» Record set:
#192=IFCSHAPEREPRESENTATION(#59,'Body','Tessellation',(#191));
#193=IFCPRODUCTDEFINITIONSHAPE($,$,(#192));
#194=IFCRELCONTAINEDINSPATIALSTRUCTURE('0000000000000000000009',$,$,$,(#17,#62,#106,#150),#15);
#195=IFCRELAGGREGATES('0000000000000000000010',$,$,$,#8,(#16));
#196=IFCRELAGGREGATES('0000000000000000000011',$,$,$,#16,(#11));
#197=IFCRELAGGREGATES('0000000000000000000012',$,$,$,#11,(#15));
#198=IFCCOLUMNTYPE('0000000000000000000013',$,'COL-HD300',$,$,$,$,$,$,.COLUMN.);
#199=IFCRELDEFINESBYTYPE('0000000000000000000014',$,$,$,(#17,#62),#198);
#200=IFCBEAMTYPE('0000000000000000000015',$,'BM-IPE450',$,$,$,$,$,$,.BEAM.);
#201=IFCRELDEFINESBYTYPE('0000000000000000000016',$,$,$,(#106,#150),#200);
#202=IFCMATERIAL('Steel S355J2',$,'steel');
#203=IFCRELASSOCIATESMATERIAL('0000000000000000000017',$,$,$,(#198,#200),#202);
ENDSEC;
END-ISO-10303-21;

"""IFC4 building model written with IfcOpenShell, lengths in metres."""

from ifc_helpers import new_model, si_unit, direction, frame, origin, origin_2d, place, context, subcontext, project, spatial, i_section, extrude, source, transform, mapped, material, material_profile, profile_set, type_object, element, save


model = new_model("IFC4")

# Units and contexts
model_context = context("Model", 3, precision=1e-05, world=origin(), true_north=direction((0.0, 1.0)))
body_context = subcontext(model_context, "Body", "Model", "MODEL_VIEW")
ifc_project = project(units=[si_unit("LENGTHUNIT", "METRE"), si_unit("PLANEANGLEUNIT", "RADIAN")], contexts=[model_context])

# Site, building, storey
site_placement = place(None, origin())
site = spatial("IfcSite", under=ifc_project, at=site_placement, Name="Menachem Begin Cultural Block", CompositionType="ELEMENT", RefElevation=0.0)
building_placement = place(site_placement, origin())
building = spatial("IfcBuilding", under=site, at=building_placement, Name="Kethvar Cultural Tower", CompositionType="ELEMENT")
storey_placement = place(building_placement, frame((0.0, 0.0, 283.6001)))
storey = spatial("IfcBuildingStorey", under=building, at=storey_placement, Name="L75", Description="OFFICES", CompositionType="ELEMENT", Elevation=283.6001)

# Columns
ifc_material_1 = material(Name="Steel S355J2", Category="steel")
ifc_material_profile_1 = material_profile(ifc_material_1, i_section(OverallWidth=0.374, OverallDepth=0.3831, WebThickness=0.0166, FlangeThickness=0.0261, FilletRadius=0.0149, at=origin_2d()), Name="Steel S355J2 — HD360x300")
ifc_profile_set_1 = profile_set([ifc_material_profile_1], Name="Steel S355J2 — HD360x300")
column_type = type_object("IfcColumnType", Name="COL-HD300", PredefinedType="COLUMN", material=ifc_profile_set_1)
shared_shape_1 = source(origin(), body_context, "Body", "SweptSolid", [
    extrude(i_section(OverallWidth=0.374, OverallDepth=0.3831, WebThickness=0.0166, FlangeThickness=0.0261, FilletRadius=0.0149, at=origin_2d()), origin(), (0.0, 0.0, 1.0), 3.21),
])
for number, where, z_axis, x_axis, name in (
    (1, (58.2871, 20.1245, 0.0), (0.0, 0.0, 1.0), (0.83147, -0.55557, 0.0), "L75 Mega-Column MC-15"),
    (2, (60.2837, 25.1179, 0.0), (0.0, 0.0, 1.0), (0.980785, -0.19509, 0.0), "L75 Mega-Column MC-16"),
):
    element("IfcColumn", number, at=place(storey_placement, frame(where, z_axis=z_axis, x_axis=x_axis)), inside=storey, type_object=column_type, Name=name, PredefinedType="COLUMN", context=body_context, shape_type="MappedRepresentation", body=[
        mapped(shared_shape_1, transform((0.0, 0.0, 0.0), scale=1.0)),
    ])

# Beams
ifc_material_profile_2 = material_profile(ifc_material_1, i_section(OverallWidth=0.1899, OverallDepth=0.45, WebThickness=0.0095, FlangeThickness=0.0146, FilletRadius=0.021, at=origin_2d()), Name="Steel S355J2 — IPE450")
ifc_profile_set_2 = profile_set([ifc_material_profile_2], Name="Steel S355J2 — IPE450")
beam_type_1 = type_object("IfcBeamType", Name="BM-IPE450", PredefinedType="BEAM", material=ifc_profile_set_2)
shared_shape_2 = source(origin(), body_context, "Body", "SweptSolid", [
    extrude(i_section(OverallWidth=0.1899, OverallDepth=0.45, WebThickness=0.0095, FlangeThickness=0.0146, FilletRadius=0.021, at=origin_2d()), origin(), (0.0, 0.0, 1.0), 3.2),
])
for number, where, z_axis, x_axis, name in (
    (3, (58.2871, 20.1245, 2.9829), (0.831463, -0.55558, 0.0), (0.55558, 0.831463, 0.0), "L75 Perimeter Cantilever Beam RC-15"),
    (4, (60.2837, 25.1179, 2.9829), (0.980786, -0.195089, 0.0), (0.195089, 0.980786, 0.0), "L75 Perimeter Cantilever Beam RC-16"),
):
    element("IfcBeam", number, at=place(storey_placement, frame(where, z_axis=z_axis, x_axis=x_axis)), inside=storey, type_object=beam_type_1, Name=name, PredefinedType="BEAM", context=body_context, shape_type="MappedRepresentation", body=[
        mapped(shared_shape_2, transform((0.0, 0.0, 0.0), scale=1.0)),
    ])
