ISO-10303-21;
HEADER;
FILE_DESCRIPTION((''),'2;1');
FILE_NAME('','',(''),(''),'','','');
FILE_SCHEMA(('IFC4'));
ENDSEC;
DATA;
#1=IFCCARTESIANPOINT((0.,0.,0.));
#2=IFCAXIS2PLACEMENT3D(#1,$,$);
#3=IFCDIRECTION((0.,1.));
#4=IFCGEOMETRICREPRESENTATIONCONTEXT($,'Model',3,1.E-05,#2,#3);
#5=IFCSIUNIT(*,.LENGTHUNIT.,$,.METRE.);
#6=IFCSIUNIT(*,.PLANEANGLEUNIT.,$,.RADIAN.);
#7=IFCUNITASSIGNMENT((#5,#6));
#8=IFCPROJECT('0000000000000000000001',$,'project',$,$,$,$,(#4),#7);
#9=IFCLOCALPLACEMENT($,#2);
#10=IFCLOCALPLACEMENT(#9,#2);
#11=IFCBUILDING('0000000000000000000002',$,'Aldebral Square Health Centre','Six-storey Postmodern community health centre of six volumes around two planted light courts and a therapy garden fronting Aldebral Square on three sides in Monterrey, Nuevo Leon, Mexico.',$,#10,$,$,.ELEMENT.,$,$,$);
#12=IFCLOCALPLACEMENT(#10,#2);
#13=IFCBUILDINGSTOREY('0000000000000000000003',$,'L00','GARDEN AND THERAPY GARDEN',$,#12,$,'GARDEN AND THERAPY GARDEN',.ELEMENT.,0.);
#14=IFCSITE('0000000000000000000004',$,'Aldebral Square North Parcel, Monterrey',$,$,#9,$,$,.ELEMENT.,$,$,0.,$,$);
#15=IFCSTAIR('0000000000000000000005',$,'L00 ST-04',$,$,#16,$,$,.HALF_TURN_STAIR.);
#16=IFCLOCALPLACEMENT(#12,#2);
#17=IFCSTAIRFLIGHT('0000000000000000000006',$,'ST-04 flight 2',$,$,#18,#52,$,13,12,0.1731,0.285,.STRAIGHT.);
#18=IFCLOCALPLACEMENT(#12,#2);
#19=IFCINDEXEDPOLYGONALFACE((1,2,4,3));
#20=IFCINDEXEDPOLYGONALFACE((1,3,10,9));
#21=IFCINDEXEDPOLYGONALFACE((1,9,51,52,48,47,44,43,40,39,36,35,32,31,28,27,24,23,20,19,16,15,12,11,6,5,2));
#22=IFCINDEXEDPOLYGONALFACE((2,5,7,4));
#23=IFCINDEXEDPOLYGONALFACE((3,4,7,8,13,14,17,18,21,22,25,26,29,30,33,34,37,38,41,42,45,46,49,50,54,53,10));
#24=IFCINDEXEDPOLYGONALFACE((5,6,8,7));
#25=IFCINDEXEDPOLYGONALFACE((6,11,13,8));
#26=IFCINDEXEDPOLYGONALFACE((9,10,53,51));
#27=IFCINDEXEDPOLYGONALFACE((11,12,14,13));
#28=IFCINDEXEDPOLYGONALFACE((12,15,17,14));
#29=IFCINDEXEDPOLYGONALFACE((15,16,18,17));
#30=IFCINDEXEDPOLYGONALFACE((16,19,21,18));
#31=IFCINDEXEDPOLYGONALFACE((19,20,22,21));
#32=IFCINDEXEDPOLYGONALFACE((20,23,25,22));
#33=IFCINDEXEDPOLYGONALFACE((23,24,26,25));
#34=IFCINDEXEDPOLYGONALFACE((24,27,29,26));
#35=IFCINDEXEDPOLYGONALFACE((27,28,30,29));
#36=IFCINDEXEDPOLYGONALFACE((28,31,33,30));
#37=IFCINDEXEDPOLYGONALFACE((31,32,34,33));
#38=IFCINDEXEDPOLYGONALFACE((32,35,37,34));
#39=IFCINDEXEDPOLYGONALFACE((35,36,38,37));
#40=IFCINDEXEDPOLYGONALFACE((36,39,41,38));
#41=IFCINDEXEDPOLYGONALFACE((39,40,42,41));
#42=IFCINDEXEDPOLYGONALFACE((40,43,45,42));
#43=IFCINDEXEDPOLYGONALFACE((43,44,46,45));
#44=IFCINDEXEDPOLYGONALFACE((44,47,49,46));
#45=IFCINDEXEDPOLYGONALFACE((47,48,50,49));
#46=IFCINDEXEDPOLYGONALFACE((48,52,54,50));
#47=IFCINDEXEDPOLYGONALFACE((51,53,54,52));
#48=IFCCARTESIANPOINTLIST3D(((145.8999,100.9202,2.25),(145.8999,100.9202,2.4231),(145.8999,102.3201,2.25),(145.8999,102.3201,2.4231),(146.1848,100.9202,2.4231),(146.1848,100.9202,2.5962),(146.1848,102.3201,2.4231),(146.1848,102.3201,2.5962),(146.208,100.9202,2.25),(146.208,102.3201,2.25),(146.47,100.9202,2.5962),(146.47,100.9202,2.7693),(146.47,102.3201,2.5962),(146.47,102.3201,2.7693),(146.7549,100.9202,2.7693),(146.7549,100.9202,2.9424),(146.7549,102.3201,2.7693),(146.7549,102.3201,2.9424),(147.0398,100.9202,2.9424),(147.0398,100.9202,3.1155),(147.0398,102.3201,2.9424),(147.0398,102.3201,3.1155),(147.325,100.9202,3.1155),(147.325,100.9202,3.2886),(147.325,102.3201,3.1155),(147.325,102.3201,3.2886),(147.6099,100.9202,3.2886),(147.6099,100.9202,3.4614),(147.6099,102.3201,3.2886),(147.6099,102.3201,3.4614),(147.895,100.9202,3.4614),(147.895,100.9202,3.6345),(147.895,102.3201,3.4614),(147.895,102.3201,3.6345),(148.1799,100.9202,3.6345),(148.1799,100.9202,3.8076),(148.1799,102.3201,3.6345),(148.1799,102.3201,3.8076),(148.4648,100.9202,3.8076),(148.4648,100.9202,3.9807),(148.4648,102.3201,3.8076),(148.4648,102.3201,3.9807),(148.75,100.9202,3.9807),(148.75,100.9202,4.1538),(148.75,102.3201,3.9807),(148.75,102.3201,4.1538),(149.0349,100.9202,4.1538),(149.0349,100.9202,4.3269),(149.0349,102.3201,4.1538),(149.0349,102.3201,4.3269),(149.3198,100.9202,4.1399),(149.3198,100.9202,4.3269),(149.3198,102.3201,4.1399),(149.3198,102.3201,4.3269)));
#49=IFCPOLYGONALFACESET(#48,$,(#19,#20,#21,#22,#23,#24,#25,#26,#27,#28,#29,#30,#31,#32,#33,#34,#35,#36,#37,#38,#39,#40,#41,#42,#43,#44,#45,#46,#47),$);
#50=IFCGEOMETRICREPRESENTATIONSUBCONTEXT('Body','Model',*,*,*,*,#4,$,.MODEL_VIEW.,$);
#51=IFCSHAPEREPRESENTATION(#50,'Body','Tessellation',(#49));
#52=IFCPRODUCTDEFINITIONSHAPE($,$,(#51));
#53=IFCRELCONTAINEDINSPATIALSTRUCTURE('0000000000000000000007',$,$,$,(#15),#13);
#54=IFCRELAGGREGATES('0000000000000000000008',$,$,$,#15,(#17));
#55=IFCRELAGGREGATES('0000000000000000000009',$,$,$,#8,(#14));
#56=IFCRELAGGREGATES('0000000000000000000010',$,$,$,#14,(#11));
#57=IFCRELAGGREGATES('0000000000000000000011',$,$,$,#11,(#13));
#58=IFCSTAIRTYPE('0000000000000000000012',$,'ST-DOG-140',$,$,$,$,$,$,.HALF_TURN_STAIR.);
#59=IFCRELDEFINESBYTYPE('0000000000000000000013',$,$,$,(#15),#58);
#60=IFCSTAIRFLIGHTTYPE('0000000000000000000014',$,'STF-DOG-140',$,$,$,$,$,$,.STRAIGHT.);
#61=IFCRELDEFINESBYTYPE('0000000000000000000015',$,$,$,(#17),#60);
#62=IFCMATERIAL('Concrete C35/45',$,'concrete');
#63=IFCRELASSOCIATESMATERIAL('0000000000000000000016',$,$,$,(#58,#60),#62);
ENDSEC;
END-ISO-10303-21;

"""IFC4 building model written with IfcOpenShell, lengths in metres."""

from ifc_helpers import new_model, si_unit, direction, frame, origin, place, context, subcontext, project, spatial, polyline, outline, extrude, material, type_object, element, aggregate, save


model = new_model("IFC4")

# Units and contexts
model_context = context("Model", 3, precision=1e-05, world=origin(), true_north=direction((0.0, 1.0)))
body_context = subcontext(model_context, "Body", "Model", "MODEL_VIEW")
ifc_project = project(units=[si_unit("LENGTHUNIT", "METRE"), si_unit("PLANEANGLEUNIT", "RADIAN")], contexts=[model_context])

# Site, building, storey
site_placement = place(None, origin())
site = spatial("IfcSite", under=ifc_project, at=site_placement, Name="Aldebral Square North Parcel, Monterrey", CompositionType="ELEMENT", RefElevation=0.0)
building_placement = place(site_placement, origin())
building = spatial("IfcBuilding", under=site, at=building_placement, Name="Aldebral Square Health Centre", Description="Six-storey Postmodern community health centre of six volumes around two planted light courts and a therapy garden fronting Aldebral Square on three sides in Monterrey, Nuevo Leon, Mexico.", CompositionType="ELEMENT")
storey_placement = place(building_placement, origin())
storey = spatial("IfcBuildingStorey", under=building, at=storey_placement, Name="L00", Description="GARDEN AND THERAPY GARDEN", LongName="GARDEN AND THERAPY GARDEN", CompositionType="ELEMENT", Elevation=0.0)

# Shared definitions
ifc_material_1 = material(Name="Concrete C35/45", Category="concrete")

# Stair, stair flight
stair_type = type_object("IfcStairType", Name="ST-DOG-140", PredefinedType="HALF_TURN_STAIR", material=ifc_material_1)
stair_placement = place(storey_placement, origin())
stair = element("IfcStair", 1, at=stair_placement, inside=storey, type_object=stair_type, Name="L00 ST-04", PredefinedType="HALF_TURN_STAIR")
stair_flight_type = type_object("IfcStairFlightType", Name="STF-DOG-140", PredefinedType="STRAIGHT", material=ifc_material_1)
stair_flight_1_placement = place(storey_placement, frame((145.8999, 101.6201, 2.25), z_axis=(0.0, 0.0, 1.0), x_axis=(1.0, 0.0, 0.0)))
stair_flight_1 = element("IfcStairFlight", 2, at=stair_flight_1_placement, type_object=stair_flight_type, Name="ST-04 flight 2", NumberOfRisers=13, NumberOfTreads=12, PredefinedType="STRAIGHT", RiserHeight=0.1731, TreadLength=0.285, context=body_context, shape_type="SweptSolid", body=[
    extrude(outline(polyline([(0.0, 0.0), (0.0, 0.1731), (0.2849, 0.1731), (0.2849, 0.3462), (0.5701, 0.3462), (0.5701, 0.5193), (0.855, 0.5193), (0.855, 0.6924), (1.1399, 0.6924), (1.1399, 0.8655), (1.425, 0.8655), (1.425, 1.0386), (1.71, 1.0386), (1.71, 1.2114), (1.9951, 1.2114), (1.9951, 1.3845), (2.28, 1.3845), (2.28, 1.5576), (2.5649, 1.5576), (2.5649, 1.7307), (2.8501, 1.7307), (2.8501, 1.9038), (3.135, 1.9038), (3.135, 2.0769), (3.4199, 2.0769), (3.4199, 2.25), (3.4199, 1.8899), (0.3081, 0.0), (0.0, 0.0)])), frame((0.0, 0.7, 0.0), z_axis=(0.0, -1.0, 0.0), x_axis=(1.0, 0.0, 0.0)), (0.0, 0.0, 1.0), 1.3999),
])
aggregate(stair, [stair_flight_1])

save(model, "model.ifc")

» Problem details: Transcribe the lines above between the line holding "#18=IFCLOCALPLACEMENT(#12,#2);" and the line holding "#33=IFCINDEXEDPOLYGONALFACE((23,24,26,25));", inclusive, exactly as they stand and with nothing added.

» Expected answer:
#18=IFCLOCALPLACEMENT(#12,#2);
#19=IFCINDEXEDPOLYGONALFACE((1,2,4,3));
#20=IFCINDEXEDPOLYGONALFACE((1,3,10,9));
#21=IFCINDEXEDPOLYGONALFACE((1,9,51,52,48,47,44,43,40,39,36,35,32,31,28,27,24,23,20,19,16,15,12,11,6,5,2));
#22=IFCINDEXEDPOLYGONALFACE((2,5,7,4));
#23=IFCINDEXEDPOLYGONALFACE((3,4,7,8,13,14,17,18,21,22,25,26,29,30,33,34,37,38,41,42,45,46,49,50,54,53,10));
#24=IFCINDEXEDPOLYGONALFACE((5,6,8,7));
#25=IFCINDEXEDPOLYGONALFACE((6,11,13,8));
#26=IFCINDEXEDPOLYGONALFACE((9,10,53,51));
#27=IFCINDEXEDPOLYGONALFACE((11,12,14,13));
#28=IFCINDEXEDPOLYGONALFACE((12,15,17,14));
#29=IFCINDEXEDPOLYGONALFACE((15,16,18,17));
#30=IFCINDEXEDPOLYGONALFACE((16,19,21,18));
#31=IFCINDEXEDPOLYGONALFACE((19,20,22,21));
#32=IFCINDEXEDPOLYGONALFACE((20,23,25,22));
#33=IFCINDEXEDPOLYGONALFACE((23,24,26,25));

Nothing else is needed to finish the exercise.